» ACTIVITY: Whenever the string "IFCPOLYGONALFACESET" turns up in a line below, that line should be copied.

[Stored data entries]
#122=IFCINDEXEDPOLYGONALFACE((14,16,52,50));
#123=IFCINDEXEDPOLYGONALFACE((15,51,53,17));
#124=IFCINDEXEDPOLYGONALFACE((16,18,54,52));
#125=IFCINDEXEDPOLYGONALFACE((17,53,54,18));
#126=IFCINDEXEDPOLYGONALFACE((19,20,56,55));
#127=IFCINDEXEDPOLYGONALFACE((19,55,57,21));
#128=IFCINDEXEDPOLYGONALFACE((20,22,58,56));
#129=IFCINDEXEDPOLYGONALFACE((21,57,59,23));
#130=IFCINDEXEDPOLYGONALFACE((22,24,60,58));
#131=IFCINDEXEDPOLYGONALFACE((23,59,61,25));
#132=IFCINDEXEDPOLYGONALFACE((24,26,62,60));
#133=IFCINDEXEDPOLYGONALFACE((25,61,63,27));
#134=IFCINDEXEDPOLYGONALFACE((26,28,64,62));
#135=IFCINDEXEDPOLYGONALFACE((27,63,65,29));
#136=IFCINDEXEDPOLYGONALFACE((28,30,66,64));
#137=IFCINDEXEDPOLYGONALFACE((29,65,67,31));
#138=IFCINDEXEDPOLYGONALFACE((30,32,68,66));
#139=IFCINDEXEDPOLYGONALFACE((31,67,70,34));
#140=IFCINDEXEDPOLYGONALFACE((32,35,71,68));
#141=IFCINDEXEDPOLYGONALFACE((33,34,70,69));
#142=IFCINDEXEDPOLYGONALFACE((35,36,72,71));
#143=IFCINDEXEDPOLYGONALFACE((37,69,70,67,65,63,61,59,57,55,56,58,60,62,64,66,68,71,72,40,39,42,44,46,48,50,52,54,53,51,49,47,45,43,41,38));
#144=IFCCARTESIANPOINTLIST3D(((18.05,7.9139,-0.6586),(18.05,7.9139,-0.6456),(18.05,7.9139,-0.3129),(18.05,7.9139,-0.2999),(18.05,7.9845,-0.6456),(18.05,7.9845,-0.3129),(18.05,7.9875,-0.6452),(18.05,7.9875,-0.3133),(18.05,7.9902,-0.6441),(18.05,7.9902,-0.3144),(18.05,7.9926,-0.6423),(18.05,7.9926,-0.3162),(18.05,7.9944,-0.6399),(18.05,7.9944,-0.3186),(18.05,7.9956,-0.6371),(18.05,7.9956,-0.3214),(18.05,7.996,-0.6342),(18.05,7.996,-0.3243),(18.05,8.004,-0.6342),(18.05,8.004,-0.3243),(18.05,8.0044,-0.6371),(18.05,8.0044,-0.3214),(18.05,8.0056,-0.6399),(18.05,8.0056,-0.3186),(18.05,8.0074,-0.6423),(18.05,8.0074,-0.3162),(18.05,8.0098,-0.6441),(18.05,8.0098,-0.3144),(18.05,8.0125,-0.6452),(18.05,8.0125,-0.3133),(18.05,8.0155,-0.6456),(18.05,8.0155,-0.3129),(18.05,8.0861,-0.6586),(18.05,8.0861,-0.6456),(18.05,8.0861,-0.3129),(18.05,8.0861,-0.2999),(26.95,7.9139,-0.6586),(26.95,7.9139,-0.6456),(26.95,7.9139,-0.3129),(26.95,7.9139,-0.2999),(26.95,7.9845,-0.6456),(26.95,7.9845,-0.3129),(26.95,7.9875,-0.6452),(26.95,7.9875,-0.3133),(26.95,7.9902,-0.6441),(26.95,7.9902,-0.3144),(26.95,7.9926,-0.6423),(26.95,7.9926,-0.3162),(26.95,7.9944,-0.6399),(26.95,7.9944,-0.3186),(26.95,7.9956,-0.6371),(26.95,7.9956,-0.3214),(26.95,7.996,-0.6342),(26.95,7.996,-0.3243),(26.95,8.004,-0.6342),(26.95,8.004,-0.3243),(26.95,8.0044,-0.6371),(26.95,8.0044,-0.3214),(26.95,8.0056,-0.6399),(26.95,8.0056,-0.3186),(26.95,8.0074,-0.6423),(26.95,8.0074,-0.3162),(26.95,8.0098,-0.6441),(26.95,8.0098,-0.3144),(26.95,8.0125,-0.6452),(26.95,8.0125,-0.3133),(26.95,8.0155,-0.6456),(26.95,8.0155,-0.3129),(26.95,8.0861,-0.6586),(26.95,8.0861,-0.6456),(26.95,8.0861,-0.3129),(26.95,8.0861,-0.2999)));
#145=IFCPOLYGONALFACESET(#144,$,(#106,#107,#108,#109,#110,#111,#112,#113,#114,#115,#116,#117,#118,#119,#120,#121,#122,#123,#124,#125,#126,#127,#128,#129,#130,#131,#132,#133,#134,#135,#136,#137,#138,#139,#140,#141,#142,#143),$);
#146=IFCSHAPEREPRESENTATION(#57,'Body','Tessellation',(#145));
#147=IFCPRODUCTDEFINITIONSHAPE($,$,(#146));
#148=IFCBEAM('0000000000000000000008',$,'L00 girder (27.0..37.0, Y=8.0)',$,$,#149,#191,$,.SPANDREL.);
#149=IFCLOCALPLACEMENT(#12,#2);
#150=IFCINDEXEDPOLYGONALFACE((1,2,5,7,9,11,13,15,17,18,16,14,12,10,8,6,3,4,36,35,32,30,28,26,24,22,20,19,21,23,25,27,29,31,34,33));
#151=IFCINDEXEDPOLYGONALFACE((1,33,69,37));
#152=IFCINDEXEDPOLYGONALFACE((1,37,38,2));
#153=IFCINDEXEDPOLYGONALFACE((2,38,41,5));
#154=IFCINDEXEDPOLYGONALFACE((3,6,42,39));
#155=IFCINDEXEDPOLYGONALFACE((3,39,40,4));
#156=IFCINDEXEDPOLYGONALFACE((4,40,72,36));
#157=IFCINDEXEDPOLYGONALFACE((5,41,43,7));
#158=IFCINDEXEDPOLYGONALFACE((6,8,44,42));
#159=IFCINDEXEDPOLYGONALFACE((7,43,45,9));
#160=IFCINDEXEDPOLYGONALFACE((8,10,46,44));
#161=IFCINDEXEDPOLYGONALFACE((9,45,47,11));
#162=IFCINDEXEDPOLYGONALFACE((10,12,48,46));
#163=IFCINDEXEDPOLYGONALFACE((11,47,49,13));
==
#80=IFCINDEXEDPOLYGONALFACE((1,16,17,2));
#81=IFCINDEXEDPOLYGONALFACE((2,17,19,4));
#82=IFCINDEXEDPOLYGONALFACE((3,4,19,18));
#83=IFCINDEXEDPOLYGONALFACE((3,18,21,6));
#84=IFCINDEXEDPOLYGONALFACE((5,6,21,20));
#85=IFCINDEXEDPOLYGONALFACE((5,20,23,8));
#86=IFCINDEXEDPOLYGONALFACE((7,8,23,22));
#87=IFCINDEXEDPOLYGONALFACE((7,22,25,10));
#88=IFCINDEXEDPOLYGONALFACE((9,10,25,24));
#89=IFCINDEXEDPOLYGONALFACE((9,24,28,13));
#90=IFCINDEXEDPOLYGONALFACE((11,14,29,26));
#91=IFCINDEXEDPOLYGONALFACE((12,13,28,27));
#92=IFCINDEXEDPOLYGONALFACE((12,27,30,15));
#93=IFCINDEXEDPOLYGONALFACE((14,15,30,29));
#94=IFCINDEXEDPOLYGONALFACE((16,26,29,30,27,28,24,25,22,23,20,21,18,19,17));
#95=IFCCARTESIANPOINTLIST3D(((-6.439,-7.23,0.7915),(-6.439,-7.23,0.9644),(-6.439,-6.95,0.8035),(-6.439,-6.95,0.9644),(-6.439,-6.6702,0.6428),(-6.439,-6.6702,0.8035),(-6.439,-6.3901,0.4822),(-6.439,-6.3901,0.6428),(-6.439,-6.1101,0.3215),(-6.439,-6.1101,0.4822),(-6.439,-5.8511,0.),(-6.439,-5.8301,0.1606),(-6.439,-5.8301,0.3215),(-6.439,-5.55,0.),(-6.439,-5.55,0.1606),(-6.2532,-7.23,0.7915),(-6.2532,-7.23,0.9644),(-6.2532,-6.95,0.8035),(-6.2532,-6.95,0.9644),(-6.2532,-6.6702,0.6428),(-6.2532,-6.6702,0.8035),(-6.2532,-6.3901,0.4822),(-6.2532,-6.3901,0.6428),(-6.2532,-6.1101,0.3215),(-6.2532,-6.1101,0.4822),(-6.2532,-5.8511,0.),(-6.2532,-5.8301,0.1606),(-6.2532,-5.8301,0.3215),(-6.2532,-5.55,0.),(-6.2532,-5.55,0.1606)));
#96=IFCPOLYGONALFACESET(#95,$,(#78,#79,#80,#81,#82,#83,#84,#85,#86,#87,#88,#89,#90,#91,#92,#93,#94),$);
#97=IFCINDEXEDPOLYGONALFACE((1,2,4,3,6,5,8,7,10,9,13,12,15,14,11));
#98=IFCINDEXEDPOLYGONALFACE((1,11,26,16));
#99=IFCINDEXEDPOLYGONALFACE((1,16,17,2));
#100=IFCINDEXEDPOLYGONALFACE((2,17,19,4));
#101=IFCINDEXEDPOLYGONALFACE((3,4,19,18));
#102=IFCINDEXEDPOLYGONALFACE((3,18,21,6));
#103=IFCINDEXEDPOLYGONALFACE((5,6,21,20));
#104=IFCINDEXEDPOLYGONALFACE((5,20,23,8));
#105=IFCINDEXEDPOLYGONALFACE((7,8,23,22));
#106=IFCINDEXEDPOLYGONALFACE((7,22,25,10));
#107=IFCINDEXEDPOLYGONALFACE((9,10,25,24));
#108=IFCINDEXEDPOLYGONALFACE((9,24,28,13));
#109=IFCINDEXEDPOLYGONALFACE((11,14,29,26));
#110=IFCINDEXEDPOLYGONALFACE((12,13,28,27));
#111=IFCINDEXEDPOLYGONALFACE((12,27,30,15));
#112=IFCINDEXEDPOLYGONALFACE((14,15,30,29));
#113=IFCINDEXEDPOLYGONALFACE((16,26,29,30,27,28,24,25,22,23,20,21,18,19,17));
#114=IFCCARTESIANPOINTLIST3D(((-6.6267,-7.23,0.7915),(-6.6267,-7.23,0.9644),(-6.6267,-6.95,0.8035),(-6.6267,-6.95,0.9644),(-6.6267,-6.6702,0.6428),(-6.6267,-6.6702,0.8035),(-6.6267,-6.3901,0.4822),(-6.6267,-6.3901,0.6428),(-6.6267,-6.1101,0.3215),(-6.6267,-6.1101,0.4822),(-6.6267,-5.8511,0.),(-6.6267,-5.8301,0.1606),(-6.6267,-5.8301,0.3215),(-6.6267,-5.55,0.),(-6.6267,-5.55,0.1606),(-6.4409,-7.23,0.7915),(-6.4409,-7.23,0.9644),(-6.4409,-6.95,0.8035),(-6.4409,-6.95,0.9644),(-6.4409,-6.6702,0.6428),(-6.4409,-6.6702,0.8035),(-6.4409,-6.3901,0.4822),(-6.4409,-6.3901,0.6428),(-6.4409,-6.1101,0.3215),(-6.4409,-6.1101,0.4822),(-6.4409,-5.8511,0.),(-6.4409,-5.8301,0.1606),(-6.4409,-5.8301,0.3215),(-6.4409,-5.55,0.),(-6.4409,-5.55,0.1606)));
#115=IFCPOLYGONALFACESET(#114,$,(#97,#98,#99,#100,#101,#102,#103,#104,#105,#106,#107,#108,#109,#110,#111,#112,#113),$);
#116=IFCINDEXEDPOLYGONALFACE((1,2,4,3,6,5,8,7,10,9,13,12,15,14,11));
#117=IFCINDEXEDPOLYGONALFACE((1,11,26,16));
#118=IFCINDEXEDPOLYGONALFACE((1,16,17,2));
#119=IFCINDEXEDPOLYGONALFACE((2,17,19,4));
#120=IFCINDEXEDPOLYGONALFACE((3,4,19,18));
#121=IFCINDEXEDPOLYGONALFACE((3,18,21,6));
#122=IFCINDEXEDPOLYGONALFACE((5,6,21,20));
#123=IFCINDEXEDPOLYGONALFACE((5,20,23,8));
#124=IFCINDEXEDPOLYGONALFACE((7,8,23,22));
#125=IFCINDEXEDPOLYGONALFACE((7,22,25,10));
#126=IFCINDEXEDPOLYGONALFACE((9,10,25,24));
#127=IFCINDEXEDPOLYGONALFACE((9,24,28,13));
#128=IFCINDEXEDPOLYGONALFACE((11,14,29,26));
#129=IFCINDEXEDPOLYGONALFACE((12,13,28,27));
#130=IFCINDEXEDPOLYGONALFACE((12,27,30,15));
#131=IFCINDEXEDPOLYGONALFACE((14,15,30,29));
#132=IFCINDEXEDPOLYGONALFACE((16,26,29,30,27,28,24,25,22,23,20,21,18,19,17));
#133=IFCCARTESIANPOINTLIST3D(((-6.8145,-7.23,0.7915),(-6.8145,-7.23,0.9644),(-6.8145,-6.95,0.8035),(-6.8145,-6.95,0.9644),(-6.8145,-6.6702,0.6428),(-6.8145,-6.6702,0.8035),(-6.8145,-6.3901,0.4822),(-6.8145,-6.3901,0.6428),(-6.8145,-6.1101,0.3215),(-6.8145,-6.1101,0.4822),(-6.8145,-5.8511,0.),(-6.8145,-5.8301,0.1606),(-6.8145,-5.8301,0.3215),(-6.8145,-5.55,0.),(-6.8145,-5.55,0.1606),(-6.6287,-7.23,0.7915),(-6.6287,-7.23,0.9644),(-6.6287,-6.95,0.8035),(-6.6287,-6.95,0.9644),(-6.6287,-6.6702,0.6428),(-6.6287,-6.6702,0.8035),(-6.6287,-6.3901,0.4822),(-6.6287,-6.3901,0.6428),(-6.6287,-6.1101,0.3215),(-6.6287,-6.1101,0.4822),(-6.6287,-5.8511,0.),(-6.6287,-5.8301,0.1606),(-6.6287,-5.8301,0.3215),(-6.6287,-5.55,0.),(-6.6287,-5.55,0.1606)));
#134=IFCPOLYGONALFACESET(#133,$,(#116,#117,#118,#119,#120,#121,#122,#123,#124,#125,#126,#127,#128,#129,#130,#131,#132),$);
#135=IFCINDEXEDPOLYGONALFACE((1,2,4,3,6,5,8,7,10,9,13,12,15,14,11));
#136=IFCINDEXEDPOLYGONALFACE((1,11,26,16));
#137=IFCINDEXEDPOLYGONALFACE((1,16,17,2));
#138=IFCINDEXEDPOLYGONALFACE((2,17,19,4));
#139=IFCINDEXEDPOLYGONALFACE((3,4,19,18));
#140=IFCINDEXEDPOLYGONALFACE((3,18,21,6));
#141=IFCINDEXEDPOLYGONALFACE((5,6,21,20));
---
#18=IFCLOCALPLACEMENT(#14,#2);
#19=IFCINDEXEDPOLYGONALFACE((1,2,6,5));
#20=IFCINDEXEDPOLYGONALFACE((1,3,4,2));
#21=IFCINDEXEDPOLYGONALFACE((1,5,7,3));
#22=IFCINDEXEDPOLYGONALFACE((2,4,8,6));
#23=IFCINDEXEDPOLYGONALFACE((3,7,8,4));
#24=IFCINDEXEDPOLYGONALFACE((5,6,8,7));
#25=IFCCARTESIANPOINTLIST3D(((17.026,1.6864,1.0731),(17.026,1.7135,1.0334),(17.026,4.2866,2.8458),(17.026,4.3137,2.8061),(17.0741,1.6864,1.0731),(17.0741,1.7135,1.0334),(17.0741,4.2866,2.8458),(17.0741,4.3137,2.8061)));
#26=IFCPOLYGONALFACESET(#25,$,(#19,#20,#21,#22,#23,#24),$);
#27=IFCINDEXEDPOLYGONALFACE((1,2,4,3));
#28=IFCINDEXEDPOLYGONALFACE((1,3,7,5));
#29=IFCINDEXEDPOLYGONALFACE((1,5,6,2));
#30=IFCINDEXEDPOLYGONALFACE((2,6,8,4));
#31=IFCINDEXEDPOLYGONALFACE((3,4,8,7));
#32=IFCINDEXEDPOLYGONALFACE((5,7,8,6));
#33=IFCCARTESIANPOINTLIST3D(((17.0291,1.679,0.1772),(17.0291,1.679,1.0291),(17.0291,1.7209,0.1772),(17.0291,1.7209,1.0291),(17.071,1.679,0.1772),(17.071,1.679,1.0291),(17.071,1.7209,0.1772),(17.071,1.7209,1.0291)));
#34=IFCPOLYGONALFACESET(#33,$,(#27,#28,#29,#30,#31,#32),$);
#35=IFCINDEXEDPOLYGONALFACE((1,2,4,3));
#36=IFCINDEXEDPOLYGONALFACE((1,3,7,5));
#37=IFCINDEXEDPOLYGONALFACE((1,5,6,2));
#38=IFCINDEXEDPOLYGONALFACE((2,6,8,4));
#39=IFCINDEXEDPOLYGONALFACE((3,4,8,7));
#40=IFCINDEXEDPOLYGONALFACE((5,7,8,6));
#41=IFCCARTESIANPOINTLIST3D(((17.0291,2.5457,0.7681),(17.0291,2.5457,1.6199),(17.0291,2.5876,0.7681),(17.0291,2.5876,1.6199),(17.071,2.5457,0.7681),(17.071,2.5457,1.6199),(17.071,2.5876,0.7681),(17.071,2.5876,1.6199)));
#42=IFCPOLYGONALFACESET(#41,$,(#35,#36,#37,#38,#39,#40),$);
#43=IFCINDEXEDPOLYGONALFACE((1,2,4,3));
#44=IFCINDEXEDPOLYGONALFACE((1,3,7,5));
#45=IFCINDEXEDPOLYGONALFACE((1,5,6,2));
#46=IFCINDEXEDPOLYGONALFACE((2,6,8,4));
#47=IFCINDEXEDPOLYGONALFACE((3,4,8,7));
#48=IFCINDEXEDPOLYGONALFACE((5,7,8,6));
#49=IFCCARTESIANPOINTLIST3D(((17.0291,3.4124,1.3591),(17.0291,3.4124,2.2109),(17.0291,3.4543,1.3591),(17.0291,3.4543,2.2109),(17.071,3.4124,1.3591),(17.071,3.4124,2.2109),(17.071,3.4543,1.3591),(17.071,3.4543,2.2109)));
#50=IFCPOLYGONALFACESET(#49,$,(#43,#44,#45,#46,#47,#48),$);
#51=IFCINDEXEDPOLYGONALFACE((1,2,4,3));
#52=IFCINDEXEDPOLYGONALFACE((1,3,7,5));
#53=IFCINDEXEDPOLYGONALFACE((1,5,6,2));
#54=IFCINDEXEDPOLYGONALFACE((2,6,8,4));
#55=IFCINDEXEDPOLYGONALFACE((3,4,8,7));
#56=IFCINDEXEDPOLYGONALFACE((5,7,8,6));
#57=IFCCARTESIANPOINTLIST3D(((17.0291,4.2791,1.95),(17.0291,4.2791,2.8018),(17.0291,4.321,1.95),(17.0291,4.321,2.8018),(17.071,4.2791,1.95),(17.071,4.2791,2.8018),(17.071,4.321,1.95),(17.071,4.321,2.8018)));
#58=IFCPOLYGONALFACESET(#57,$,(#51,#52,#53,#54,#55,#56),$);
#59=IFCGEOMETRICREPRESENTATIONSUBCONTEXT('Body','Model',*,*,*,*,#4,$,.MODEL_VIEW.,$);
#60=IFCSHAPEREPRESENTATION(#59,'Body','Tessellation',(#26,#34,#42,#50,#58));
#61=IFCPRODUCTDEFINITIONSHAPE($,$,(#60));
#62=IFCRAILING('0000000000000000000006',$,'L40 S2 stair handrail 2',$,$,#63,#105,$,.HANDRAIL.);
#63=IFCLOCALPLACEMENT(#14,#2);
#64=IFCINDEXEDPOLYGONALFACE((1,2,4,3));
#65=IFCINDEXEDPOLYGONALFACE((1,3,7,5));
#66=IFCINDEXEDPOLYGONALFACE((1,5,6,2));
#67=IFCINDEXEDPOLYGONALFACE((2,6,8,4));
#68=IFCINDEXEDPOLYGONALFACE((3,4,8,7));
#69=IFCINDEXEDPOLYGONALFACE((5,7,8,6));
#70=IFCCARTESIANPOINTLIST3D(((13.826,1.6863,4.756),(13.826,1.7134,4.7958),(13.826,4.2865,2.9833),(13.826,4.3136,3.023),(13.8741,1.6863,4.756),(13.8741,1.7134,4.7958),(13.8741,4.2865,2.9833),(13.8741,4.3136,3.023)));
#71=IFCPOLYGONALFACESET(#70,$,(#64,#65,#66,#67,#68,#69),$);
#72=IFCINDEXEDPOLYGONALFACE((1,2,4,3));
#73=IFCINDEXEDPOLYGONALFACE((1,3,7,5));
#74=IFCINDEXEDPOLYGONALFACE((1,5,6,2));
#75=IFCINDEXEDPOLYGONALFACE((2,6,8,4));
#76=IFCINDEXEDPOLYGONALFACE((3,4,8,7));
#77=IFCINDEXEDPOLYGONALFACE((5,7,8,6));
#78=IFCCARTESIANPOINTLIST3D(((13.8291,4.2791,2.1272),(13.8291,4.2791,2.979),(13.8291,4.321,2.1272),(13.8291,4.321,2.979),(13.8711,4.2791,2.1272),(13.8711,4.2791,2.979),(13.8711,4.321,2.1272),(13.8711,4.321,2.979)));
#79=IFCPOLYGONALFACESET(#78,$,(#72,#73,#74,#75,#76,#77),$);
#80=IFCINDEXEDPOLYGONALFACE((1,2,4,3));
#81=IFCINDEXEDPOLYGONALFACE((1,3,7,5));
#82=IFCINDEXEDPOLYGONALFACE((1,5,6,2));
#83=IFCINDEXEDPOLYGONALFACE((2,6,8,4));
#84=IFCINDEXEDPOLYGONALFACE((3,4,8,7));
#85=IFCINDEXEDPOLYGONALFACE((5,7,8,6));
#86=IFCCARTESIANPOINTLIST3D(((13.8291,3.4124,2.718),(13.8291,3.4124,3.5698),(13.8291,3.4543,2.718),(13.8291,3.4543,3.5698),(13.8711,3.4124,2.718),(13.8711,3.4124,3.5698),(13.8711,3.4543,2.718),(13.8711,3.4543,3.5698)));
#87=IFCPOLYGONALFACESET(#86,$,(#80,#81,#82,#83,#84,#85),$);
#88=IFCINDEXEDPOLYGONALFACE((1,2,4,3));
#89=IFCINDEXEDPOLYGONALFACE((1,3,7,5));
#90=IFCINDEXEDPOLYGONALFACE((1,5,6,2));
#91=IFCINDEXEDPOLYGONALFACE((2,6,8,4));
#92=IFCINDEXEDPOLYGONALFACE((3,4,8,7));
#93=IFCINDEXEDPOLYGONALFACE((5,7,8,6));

» COMPLETED EXERCISE:
#145=IFCPOLYGONALFACESET(#144,$,(#106,#107,#108,#109,#110,#111,#112,#113,#114,#115,#116,#117,#118,#119,#120,#121,#122,#123,#124,#125,#126,#127,#128,#129,#130,#131,#132,#133,#134,#135,#136,#137,#138,#139,#140,#141,#142,#143),$);
#96=IFCPOLYGONALFACESET(#95,$,(#78,#79,#80,#81,#82,#83,#84,#85,#86,#87,#88,#89,#90,#91,#92,#93,#94),$);
#115=IFCPOLYGONALFACESET(#114,$,(#97,#98,#99,#100,#101,#102,#103,#104,#105,#106,#107,#108,#109,#110,#111,#112,#113),$);
#134=IFCPOLYGONALFACESET(#133,$,(#116,#117,#118,#119,#120,#121,#122,#123,#124,#125,#126,#127,#128,#129,#130,#131,#132),$);
#26=IFCPOLYGONALFACESET(#25,$,(#19,#20,#21,#22,#23,#24),$);
#34=IFCPOLYGONALFACESET(#33,$,(#27,#28,#29,#30,#31,#32),$);
#42=IFCPOLYGONALFACESET(#41,$,(#35,#36,#37,#38,#39,#40),$);
#50=IFCPOLYGONALFACESET(#49,$,(#43,#44,#45,#46,#47,#48),$);
#58=IFCPOLYGONALFACESET(#57,$,(#51,#52,#53,#54,#55,#56),$);
#71=IFCPOLYGONALFACESET(#70,$,(#64,#65,#66,#67,#68,#69),$);
#79=IFCPOLYGONALFACESET(#78,$,(#72,#73,#74,#75,#76,#77),$);
#87=IFCPOLYGONALFACESET(#86,$,(#80,#81,#82,#83,#84,#85),$);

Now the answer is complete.